Stored data entries:
——
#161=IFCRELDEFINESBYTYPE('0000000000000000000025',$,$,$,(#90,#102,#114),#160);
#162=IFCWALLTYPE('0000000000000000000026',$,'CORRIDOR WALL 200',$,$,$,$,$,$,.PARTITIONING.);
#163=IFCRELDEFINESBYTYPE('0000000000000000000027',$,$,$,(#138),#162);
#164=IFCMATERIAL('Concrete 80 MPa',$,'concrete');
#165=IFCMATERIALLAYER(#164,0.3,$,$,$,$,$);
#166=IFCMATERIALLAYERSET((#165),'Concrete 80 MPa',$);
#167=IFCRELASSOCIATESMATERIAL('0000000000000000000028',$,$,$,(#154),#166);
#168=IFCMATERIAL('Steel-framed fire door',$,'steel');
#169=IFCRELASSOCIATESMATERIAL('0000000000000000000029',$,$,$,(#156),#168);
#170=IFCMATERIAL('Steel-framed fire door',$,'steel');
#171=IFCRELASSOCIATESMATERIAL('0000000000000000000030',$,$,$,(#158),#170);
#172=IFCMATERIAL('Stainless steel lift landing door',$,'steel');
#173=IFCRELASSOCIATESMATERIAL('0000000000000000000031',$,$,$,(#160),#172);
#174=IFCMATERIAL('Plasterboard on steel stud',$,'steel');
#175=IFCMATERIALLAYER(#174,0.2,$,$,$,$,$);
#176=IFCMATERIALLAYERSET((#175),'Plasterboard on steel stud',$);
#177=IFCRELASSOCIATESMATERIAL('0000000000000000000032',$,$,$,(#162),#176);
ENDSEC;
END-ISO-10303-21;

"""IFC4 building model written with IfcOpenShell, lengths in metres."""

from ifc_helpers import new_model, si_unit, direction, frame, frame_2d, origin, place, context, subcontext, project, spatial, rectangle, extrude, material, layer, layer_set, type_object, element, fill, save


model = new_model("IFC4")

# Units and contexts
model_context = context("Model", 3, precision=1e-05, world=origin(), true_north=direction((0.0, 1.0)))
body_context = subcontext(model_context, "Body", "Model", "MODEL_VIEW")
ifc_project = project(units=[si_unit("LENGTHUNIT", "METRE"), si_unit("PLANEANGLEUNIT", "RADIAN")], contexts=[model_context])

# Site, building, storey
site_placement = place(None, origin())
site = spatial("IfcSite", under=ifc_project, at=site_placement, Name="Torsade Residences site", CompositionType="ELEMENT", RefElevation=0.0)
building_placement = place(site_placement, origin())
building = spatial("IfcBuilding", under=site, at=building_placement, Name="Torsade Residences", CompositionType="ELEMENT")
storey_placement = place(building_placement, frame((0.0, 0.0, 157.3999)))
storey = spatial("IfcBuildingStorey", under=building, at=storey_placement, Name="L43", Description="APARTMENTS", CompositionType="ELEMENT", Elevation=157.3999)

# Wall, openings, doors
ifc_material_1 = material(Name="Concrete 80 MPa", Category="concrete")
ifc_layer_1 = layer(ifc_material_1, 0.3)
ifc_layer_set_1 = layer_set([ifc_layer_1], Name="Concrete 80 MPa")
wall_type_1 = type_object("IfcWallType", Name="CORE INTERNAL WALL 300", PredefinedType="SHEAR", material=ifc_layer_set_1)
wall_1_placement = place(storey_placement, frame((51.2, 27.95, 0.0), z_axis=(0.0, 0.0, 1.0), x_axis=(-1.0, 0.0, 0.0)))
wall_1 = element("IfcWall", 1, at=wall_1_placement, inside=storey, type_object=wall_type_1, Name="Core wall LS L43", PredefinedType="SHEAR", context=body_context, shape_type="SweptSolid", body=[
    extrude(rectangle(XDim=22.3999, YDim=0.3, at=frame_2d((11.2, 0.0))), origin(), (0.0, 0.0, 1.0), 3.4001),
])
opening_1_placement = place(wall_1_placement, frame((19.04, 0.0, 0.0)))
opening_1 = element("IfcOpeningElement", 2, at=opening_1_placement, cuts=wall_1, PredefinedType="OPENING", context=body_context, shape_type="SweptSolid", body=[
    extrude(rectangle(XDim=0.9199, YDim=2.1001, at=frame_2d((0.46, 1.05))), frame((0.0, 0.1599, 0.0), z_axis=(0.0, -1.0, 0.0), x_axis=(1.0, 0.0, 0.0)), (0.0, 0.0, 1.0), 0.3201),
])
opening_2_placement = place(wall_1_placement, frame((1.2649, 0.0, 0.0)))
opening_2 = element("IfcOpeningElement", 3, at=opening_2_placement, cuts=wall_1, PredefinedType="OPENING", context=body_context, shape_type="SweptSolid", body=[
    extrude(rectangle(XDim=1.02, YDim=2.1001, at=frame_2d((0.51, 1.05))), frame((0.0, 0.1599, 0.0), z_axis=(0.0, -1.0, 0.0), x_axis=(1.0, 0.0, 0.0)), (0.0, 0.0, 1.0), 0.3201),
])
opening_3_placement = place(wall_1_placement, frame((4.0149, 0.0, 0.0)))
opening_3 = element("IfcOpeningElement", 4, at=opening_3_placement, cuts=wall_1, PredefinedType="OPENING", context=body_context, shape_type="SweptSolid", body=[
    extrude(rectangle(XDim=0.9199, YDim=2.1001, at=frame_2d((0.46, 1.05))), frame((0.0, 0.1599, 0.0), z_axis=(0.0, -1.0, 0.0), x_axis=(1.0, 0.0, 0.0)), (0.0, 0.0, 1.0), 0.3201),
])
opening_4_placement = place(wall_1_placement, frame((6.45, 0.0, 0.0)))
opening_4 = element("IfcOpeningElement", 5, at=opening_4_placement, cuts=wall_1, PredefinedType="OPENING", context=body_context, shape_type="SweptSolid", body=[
——
- [The problem] Whenever a line above has the word "IFCMATERIALLAYERSET" in it, copy that line.

- [Answer to the exercise]
#166=IFCMATERIALLAYERSET((#165),'Concrete 80 MPa',$);
#176=IFCMATERIALLAYERSET((#175),'Plasterboard on steel stud',$);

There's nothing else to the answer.